=== Work to complete ===
Start to finish, return the listing exactly as written.

****

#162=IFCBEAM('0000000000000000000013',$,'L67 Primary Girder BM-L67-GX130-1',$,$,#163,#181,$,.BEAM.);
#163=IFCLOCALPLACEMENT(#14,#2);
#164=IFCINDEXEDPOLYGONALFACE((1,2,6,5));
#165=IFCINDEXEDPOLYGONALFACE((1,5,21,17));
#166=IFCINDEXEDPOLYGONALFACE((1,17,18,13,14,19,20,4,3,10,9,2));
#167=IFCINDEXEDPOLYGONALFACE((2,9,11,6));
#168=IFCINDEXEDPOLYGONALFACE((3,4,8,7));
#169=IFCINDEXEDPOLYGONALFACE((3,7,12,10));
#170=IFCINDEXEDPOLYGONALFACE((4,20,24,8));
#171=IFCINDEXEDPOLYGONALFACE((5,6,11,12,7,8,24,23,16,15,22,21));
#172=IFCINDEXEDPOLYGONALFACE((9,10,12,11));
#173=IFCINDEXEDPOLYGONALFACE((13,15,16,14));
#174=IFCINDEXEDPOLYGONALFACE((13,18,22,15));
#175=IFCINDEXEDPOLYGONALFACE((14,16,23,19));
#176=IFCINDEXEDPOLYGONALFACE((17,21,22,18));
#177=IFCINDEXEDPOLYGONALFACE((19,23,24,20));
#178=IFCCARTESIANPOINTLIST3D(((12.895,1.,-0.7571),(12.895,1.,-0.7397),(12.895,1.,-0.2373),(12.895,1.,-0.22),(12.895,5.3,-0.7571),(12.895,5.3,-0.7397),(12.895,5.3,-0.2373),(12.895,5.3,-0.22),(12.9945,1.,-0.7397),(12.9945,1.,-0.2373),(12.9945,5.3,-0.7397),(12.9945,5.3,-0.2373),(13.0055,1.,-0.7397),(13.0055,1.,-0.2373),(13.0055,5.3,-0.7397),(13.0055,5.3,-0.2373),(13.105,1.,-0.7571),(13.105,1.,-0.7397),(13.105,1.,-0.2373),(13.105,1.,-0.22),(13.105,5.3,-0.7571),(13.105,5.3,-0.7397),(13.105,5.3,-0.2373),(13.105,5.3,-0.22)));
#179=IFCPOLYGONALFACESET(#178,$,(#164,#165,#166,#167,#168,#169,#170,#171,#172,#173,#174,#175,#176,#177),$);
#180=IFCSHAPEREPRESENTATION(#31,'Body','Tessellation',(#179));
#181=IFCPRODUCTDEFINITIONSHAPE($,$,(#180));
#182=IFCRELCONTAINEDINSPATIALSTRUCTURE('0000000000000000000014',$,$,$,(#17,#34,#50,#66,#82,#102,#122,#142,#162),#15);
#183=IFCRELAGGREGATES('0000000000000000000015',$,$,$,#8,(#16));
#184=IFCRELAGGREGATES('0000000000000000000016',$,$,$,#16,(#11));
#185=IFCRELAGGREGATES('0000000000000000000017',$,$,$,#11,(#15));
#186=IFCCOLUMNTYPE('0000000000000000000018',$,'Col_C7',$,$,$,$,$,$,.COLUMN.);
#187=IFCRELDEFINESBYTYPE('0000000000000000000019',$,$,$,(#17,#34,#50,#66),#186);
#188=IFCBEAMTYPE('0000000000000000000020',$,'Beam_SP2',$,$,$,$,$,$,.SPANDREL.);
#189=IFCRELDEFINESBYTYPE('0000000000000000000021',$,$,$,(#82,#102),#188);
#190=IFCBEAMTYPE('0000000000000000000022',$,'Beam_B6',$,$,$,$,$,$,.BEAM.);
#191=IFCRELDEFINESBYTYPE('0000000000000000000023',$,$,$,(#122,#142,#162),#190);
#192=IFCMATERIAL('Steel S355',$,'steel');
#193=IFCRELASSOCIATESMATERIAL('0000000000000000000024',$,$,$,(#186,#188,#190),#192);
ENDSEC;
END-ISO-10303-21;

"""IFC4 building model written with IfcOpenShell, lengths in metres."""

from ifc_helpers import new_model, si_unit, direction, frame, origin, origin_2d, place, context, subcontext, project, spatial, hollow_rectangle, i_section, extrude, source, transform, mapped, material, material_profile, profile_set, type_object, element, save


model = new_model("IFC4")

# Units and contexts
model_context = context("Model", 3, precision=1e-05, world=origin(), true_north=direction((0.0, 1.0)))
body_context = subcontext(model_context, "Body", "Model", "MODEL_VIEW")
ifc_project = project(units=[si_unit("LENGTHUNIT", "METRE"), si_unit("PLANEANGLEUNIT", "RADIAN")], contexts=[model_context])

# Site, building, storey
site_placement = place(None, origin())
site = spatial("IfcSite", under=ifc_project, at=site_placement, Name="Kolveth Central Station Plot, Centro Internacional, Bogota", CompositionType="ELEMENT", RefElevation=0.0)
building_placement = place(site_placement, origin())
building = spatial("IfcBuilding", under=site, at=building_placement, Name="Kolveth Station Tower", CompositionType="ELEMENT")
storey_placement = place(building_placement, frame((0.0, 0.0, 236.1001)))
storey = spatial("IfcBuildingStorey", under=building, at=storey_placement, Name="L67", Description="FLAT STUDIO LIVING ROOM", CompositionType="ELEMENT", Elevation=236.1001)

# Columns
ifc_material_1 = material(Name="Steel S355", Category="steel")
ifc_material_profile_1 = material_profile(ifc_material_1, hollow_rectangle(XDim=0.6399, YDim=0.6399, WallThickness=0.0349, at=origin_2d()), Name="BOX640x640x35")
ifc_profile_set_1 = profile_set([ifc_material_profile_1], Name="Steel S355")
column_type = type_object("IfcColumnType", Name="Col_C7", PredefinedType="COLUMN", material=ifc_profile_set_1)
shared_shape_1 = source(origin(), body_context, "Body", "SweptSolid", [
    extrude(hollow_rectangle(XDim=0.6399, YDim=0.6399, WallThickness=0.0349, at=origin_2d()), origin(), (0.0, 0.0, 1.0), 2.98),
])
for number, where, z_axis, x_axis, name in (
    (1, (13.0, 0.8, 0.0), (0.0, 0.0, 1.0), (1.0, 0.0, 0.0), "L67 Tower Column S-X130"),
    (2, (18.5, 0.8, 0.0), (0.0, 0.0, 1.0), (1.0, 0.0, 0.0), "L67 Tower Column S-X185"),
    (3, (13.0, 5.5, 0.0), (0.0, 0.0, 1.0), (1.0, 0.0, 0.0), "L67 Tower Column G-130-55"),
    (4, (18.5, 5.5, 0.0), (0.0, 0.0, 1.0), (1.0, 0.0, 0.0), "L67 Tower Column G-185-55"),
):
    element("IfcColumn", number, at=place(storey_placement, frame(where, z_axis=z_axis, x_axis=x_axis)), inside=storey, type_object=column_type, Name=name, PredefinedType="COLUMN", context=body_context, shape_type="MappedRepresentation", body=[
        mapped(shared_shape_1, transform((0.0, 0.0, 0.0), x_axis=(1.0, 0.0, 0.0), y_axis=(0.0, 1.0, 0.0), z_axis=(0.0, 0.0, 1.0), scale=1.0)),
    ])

****

=== Solved exercise ===
#162=IFCBEAM('0000000000000000000013',$,'L67 Primary Girder BM-L67-GX130-1',$,$,#163,#181,$,.BEAM.);
#163=IFCLOCALPLACEMENT(#14,#2);
#164=IFCINDEXEDPOLYGONALFACE((1,2,6,5));
#165=IFCINDEXEDPOLYGONALFACE((1,5,21,17));
#166=IFCINDEXEDPOLYGONALFACE((1,17,18,13,14,19,20,4,3,10,9,2));
#167=IFCINDEXEDPOLYGONALFACE((2,9,11,6));
#168=IFCINDEXEDPOLYGONALFACE((3,4,8,7));
#169=IFCINDEXEDPOLYGONALFACE((3,7,12,10));
#170=IFCINDEXEDPOLYGONALFACE((4,20,24,8));
#171=IFCINDEXEDPOLYGONALFACE((5,6,11,12,7,8,24,23,16,15,22,21));
#172=IFCINDEXEDPOLYGONALFACE((9,10,12,11));
#173=IFCINDEXEDPOLYGONALFACE((13,15,16,14));
#174=IFCINDEXEDPOLYGONALFACE((13,18,22,15));
#175=IFCINDEXEDPOLYGONALFACE((14,16,23,19));
#176=IFCINDEXEDPOLYGONALFACE((17,21,22,18));
#177=IFCINDEXEDPOLYGONALFACE((19,23,24,20));
#178=IFCCARTESIANPOINTLIST3D(((12.895,1.,-0.7571),(12.895,1.,-0.7397),(12.895,1.,-0.2373),(12.895,1.,-0.22),(12.895,5.3,-0.7571),(12.895,5.3,-0.7397),(12.895,5.3,-0.2373),(12.895,5.3,-0.22),(12.9945,1.,-0.7397),(12.9945,1.,-0.2373),(12.9945,5.3,-0.7397),(12.9945,5.3,-0.2373),(13.0055,1.,-0.7397),(13.0055,1.,-0.2373),(13.0055,5.3,-0.7397),(13.0055,5.3,-0.2373),(13.105,1.,-0.7571),(13.105,1.,-0.7397),(13.105,1.,-0.2373),(13.105,1.,-0.22),(13.105,5.3,-0.7571),(13.105,5.3,-0.7397),(13.105,5.3,-0.2373),(13.105,5.3,-0.22)));
#179=IFCPOLYGONALFACESET(#178,$,(#164,#165,#166,#167,#168,#169,#170,#171,#172,#173,#174,#175,#176,#177),$);
#180=IFCSHAPEREPRESENTATION(#31,'Body','Tessellation',(#179));
#181=IFCPRODUCTDEFINITIONSHAPE($,$,(#180));
#182=IFCRELCONTAINEDINSPATIALSTRUCTURE('0000000000000000000014',$,$,$,(#17,#34,#50,#66,#82,#102,#122,#142,#162),#15);
#183=IFCRELAGGREGATES('0000000000000000000015',$,$,$,#8,(#16));
#184=IFCRELAGGREGATES('0000000000000000000016',$,$,$,#16,(#11));
#185=IFCRELAGGREGATES('0000000000000000000017',$,$,$,#11,(#15));
#186=IFCCOLUMNTYPE('0000000000000000000018',$,'Col_C7',$,$,$,$,$,$,.COLUMN.);
#187=IFCRELDEFINESBYTYPE('0000000000000000000019',$,$,$,(#17,#34,#50,#66),#186);
#188=IFCBEAMTYPE('0000000000000000000020',$,'Beam_SP2',$,$,$,$,$,$,.SPANDREL.);
#189=IFCRELDEFINESBYTYPE('0000000000000000000021',$,$,$,(#82,#102),#188);
#190=IFCBEAMTYPE('0000000000000000000022',$,'Beam_B6',$,$,$,$,$,$,.BEAM.);
#191=IFCRELDEFINESBYTYPE('0000000000000000000023',$,$,$,(#122,#142,#162),#190);
#192=IFCMATERIAL('Steel S355',$,'steel');
#193=IFCRELASSOCIATESMATERIAL('0000000000000000000024',$,$,$,(#186,#188,#190),#192);
ENDSEC;
END-ISO-10303-21;

"""IFC4 building model written with IfcOpenShell, lengths in metres."""

from ifc_helpers import new_model, si_unit, direction, frame, origin, origin_2d, place, context, subcontext, project, spatial, hollow_rectangle, i_section, extrude, source, transform, mapped, material, material_profile, profile_set, type_object, element, save


model = new_model("IFC4")

# Units and contexts
model_context = context("Model", 3, precision=1e-05, world=origin(), true_north=direction((0.0, 1.0)))
body_context = subcontext(model_context, "Body", "Model", "MODEL_VIEW")
ifc_project = project(units=[si_unit("LENGTHUNIT", "METRE"), si_unit("PLANEANGLEUNIT", "RADIAN")], contexts=[model_context])

# Site, building, storey
site_placement = place(None, origin())
site = spatial("IfcSite", under=ifc_project, at=site_placement, Name="Kolveth Central Station Plot, Centro Internacional, Bogota", CompositionType="ELEMENT", RefElevation=0.0)
building_placement = place(site_placement, origin())
building = spatial("IfcBuilding", under=site, at=building_placement, Name="Kolveth Station Tower", CompositionType="ELEMENT")
storey_placement = place(building_placement, frame((0.0, 0.0, 236.1001)))
storey = spatial("IfcBuildingStorey", under=building, at=storey_placement, Name="L67", Description="FLAT STUDIO LIVING ROOM", CompositionType="ELEMENT", Elevation=236.1001)

# Columns
ifc_material_1 = material(Name="Steel S355", Category="steel")
ifc_material_profile_1 = material_profile(ifc_material_1, hollow_rectangle(XDim=0.6399, YDim=0.6399, WallThickness=0.0349, at=origin_2d()), Name="BOX640x640x35")
ifc_profile_set_1 = profile_set([ifc_material_profile_1], Name="Steel S355")
column_type = type_object("IfcColumnType", Name="Col_C7", PredefinedType="COLUMN", material=ifc_profile_set_1)
shared_shape_1 = source(origin(), body_context, "Body", "SweptSolid", [
    extrude(hollow_rectangle(XDim=0.6399, YDim=0.6399, WallThickness=0.0349, at=origin_2d()), origin(), (0.0, 0.0, 1.0), 2.98),
])
for number, where, z_axis, x_axis, name in (
    (1, (13.0, 0.8, 0.0), (0.0, 0.0, 1.0), (1.0, 0.0, 0.0), "L67 Tower Column S-X130"),
    (2, (18.5, 0.8, 0.0), (0.0, 0.0, 1.0), (1.0, 0.0, 0.0), "L67 Tower Column S-X185"),
    (3, (13.0, 5.5, 0.0), (0.0, 0.0, 1.0), (1.0, 0.0, 0.0), "L67 Tower Column G-130-55"),
    (4, (18.5, 5.5, 0.0), (0.0, 0.0, 1.0), (1.0, 0.0, 0.0), "L67 Tower Column G-185-55"),
):
    element("IfcColumn", number, at=place(storey_placement, frame(where, z_axis=z_axis, x_axis=x_axis)), inside=storey, type_object=column_type, Name=name, PredefinedType="COLUMN", context=body_context, shape_type="MappedRepresentation", body=[
        mapped(shared_shape_1, transform((0.0, 0.0, 0.0), x_axis=(1.0, 0.0, 0.0), y_axis=(0.0, 1.0, 0.0), z_axis=(0.0, 0.0, 1.0), scale=1.0)),
    ])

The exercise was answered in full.